Work order ▸ Reproduce each record exactly.

(Records excerpted from a collection)

==========

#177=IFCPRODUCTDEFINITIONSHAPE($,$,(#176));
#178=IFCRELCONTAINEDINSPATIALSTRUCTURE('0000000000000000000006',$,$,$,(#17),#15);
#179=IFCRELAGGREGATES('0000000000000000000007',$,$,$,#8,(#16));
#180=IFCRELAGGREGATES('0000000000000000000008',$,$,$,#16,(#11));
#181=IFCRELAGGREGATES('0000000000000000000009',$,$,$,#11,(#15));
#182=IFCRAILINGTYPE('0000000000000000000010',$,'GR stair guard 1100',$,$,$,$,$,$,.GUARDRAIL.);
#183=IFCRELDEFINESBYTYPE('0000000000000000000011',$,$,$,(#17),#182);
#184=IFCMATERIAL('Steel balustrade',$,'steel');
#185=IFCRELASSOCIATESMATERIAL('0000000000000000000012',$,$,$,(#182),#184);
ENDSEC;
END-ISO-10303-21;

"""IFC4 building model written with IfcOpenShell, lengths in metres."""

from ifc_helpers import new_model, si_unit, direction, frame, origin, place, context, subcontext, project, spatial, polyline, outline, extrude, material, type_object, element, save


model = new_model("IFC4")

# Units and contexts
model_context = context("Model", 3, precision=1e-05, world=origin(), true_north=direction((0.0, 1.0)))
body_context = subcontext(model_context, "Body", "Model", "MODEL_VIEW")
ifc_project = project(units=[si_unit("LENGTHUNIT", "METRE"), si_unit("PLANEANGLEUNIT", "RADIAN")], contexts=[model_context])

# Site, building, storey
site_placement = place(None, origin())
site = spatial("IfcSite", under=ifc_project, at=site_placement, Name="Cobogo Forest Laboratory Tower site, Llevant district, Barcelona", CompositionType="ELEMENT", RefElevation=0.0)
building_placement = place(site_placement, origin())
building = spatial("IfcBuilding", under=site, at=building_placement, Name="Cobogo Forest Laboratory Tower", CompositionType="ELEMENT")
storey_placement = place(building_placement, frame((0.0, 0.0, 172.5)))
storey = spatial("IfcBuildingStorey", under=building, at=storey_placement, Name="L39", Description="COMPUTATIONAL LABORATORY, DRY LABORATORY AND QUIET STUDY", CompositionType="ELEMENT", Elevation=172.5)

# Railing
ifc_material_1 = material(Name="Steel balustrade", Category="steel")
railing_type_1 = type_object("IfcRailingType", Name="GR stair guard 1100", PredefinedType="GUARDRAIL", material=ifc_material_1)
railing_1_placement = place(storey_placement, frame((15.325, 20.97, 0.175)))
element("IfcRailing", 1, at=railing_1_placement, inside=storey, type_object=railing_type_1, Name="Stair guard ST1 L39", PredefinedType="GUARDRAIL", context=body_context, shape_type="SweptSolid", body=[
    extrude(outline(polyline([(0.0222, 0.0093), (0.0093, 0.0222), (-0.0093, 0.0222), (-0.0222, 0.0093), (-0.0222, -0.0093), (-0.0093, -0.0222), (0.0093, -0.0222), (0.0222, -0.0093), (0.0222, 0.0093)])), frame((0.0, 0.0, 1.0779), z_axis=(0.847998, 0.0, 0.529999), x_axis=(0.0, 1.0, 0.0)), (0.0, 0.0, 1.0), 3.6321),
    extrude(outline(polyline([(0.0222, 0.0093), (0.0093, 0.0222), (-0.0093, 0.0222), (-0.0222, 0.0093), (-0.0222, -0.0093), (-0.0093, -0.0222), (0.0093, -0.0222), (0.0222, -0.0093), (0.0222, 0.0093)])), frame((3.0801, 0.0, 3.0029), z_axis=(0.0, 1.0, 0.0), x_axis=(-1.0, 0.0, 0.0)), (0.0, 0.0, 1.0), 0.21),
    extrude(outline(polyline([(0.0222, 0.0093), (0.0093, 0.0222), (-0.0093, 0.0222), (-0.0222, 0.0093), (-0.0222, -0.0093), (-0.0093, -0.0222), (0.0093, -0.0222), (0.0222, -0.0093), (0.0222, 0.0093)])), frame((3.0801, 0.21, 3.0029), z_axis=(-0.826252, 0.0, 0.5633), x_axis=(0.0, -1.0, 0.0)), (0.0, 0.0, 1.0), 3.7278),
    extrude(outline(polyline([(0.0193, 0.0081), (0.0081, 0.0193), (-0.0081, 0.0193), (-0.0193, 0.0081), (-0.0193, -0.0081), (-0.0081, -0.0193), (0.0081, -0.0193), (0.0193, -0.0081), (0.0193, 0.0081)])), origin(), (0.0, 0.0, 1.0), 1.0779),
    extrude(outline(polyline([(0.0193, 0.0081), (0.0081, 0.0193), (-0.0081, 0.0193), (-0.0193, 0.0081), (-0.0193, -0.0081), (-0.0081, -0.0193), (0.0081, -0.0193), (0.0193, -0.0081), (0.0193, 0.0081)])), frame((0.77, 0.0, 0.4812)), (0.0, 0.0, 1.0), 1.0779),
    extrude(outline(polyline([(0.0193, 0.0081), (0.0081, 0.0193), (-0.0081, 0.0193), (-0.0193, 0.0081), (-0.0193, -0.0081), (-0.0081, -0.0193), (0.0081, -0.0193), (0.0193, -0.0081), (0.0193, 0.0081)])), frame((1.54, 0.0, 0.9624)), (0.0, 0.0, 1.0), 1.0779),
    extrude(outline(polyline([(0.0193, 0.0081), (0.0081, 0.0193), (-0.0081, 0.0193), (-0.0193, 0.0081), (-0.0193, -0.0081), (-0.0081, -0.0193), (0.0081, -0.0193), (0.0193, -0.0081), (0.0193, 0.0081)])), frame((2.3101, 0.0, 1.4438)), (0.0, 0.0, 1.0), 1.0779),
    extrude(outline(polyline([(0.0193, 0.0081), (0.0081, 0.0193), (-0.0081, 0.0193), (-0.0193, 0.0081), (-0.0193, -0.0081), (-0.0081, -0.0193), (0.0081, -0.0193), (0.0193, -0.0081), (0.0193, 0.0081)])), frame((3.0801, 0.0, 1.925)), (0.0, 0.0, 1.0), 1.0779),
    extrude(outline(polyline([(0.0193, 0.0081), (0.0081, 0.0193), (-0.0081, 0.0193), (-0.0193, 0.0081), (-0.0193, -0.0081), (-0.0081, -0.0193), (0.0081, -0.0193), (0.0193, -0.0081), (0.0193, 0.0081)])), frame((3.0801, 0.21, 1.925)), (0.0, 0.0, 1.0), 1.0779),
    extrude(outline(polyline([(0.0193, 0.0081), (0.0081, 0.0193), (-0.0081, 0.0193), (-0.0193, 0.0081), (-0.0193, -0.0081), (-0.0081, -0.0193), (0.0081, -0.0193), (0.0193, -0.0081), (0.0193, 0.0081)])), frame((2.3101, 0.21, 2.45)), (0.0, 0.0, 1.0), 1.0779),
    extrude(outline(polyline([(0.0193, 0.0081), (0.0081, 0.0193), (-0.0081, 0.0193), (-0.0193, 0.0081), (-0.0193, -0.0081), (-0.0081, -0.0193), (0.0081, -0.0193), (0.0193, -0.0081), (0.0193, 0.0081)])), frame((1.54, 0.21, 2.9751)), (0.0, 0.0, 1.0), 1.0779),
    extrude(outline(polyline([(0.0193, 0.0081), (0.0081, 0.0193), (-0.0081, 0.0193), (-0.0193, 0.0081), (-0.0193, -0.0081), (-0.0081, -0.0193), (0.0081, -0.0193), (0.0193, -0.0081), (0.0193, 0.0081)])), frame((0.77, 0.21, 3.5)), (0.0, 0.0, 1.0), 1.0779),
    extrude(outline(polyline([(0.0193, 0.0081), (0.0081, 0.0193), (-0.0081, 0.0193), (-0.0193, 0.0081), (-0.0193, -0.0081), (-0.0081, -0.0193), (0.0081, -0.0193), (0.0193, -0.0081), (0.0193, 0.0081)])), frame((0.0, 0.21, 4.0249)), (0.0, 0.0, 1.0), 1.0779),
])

==========

Completed exercise ▸
#177=IFCPRODUCTDEFINITIONSHAPE($,$,(#176));
#178=IFCRELCONTAINEDINSPATIALSTRUCTURE('0000000000000000000006',$,$,$,(#17),#15);
#179=IFCRELAGGREGATES('0000000000000000000007',$,$,$,#8,(#16));
#180=IFCRELAGGREGATES('0000000000000000000008',$,$,$,#16,(#11));
#181=IFCRELAGGREGATES('0000000000000000000009',$,$,$,#11,(#15));
#182=IFCRAILINGTYPE('0000000000000000000010',$,'GR stair guard 1100',$,$,$,$,$,$,.GUARDRAIL.);
#183=IFCRELDEFINESBYTYPE('0000000000000000000011',$,$,$,(#17),#182);
#184=IFCMATERIAL('Steel balustrade',$,'steel');
#185=IFCRELASSOCIATESMATERIAL('0000000000000000000012',$,$,$,(#182),#184);
ENDSEC;
END-ISO-10303-21;

"""IFC4 building model written with IfcOpenShell, lengths in metres."""

from ifc_helpers import new_model, si_unit, direction, frame, origin, place, context, subcontext, project, spatial, polyline, outline, extrude, material, type_object, element, save


model = new_model("IFC4")

# Units and contexts
model_context = context("Model", 3, precision=1e-05, world=origin(), true_north=direction((0.0, 1.0)))
body_context = subcontext(model_context, "Body", "Model", "MODEL_VIEW")
ifc_project = project(units=[si_unit("LENGTHUNIT", "METRE"), si_unit("PLANEANGLEUNIT", "RADIAN")], contexts=[model_context])

# Site, building, storey
site_placement = place(None, origin())
site = spatial("IfcSite", under=ifc_project, at=site_placement, Name="Cobogo Forest Laboratory Tower site, Llevant district, Barcelona", CompositionType="ELEMENT", RefElevation=0.0)
building_placement = place(site_placement, origin())
building = spatial("IfcBuilding", under=site, at=building_placement, Name="Cobogo Forest Laboratory Tower", CompositionType="ELEMENT")
storey_placement = place(building_placement, frame((0.0, 0.0, 172.5)))
storey = spatial("IfcBuildingStorey", under=building, at=storey_placement, Name="L39", Description="COMPUTATIONAL LABORATORY, DRY LABORATORY AND QUIET STUDY", CompositionType="ELEMENT", Elevation=172.5)

# Railing
ifc_material_1 = material(Name="Steel balustrade", Category="steel")
railing_type_1 = type_object("IfcRailingType", Name="GR stair guard 1100", PredefinedType="GUARDRAIL", material=ifc_material_1)
railing_1_placement = place(storey_placement, frame((15.325, 20.97, 0.175)))
element("IfcRailing", 1, at=railing_1_placement, inside=storey, type_object=railing_type_1, Name="Stair guard ST1 L39", PredefinedType="GUARDRAIL", context=body_context, shape_type="SweptSolid", body=[
    extrude(outline(polyline([(0.0222, 0.0093), (0.0093, 0.0222), (-0.0093, 0.0222), (-0.0222, 0.0093), (-0.0222, -0.0093), (-0.0093, -0.0222), (0.0093, -0.0222), (0.0222, -0.0093), (0.0222, 0.0093)])), frame((0.0, 0.0, 1.0779), z_axis=(0.847998, 0.0, 0.529999), x_axis=(0.0, 1.0, 0.0)), (0.0, 0.0, 1.0), 3.6321),
    extrude(outline(polyline([(0.0222, 0.0093), (0.0093, 0.0222), (-0.0093, 0.0222), (-0.0222, 0.0093), (-0.0222, -0.0093), (-0.0093, -0.0222), (0.0093, -0.0222), (0.0222, -0.0093), (0.0222, 0.0093)])), frame((3.0801, 0.0, 3.0029), z_axis=(0.0, 1.0, 0.0), x_axis=(-1.0, 0.0, 0.0)), (0.0, 0.0, 1.0), 0.21),
    extrude(outline(polyline([(0.0222, 0.0093), (0.0093, 0.0222), (-0.0093, 0.0222), (-0.0222, 0.0093), (-0.0222, -0.0093), (-0.0093, -0.0222), (0.0093, -0.0222), (0.0222, -0.0093), (0.0222, 0.0093)])), frame((3.0801, 0.21, 3.0029), z_axis=(-0.826252, 0.0, 0.5633), x_axis=(0.0, -1.0, 0.0)), (0.0, 0.0, 1.0), 3.7278),
    extrude(outline(polyline([(0.0193, 0.0081), (0.0081, 0.0193), (-0.0081, 0.0193), (-0.0193, 0.0081), (-0.0193, -0.0081), (-0.0081, -0.0193), (0.0081, -0.0193), (0.0193, -0.0081), (0.0193, 0.0081)])), origin(), (0.0, 0.0, 1.0), 1.0779),
    extrude(outline(polyline([(0.0193, 0.0081), (0.0081, 0.0193), (-0.0081, 0.0193), (-0.0193, 0.0081), (-0.0193, -0.0081), (-0.0081, -0.0193), (0.0081, -0.0193), (0.0193, -0.0081), (0.0193, 0.0081)])), frame((0.77, 0.0, 0.4812)), (0.0, 0.0, 1.0), 1.0779),
    extrude(outline(polyline([(0.0193, 0.0081), (0.0081, 0.0193), (-0.0081, 0.0193), (-0.0193, 0.0081), (-0.0193, -0.0081), (-0.0081, -0.0193), (0.0081, -0.0193), (0.0193, -0.0081), (0.0193, 0.0081)])), frame((1.54, 0.0, 0.9624)), (0.0, 0.0, 1.0), 1.0779),
    extrude(outline(polyline([(0.0193, 0.0081), (0.0081, 0.0193), (-0.0081, 0.0193), (-0.0193, 0.0081), (-0.0193, -0.0081), (-0.0081, -0.0193), (0.0081, -0.0193), (0.0193, -0.0081), (0.0193, 0.0081)])), frame((2.3101, 0.0, 1.4438)), (0.0, 0.0, 1.0), 1.0779),
    extrude(outline(polyline([(0.0193, 0.0081), (0.0081, 0.0193), (-0.0081, 0.0193), (-0.0193, 0.0081), (-0.0193, -0.0081), (-0.0081, -0.0193), (0.0081, -0.0193), (0.0193, -0.0081), (0.0193, 0.0081)])), frame((3.0801, 0.0, 1.925)), (0.0, 0.0, 1.0), 1.0779),
    extrude(outline(polyline([(0.0193, 0.0081), (0.0081, 0.0193), (-0.0081, 0.0193), (-0.0193, 0.0081), (-0.0193, -0.0081), (-0.0081, -0.0193), (0.0081, -0.0193), (0.0193, -0.0081), (0.0193, 0.0081)])), frame((3.0801, 0.21, 1.925)), (0.0, 0.0, 1.0), 1.0779),
    extrude(outline(polyline([(0.0193, 0.0081), (0.0081, 0.0193), (-0.0081, 0.0193), (-0.0193, 0.0081), (-0.0193, -0.0081), (-0.0081, -0.0193), (0.0081, -0.0193), (0.0193, -0.0081), (0.0193, 0.0081)])), frame((2.3101, 0.21, 2.45)), (0.0, 0.0, 1.0), 1.0779),
    extrude(outline(polyline([(0.0193, 0.0081), (0.0081, 0.0193), (-0.0081, 0.0193), (-0.0193, 0.0081), (-0.0193, -0.0081), (-0.0081, -0.0193), (0.0081, -0.0193), (0.0193, -0.0081), (0.0193, 0.0081)])), frame((1.54, 0.21, 2.9751)), (0.0, 0.0, 1.0), 1.0779),
    extrude(outline(polyline([(0.0193, 0.0081), (0.0081, 0.0193), (-0.0081, 0.0193), (-0.0193, 0.0081), (-0.0193, -0.0081), (-0.0081, -0.0193), (0.0081, -0.0193), (0.0193, -0.0081), (0.0193, 0.0081)])), frame((0.77, 0.21, 3.5)), (0.0, 0.0, 1.0), 1.0779),
    extrude(outline(polyline([(0.0193, 0.0081), (0.0081, 0.0193), (-0.0081, 0.0193), (-0.0193, 0.0081), (-0.0193, -0.0081), (-0.0081, -0.0193), (0.0081, -0.0193), (0.0193, -0.0081), (0.0193, 0.0081)])), frame((0.0, 0.21, 4.0249)), (0.0, 0.0, 1.0), 1.0779),
])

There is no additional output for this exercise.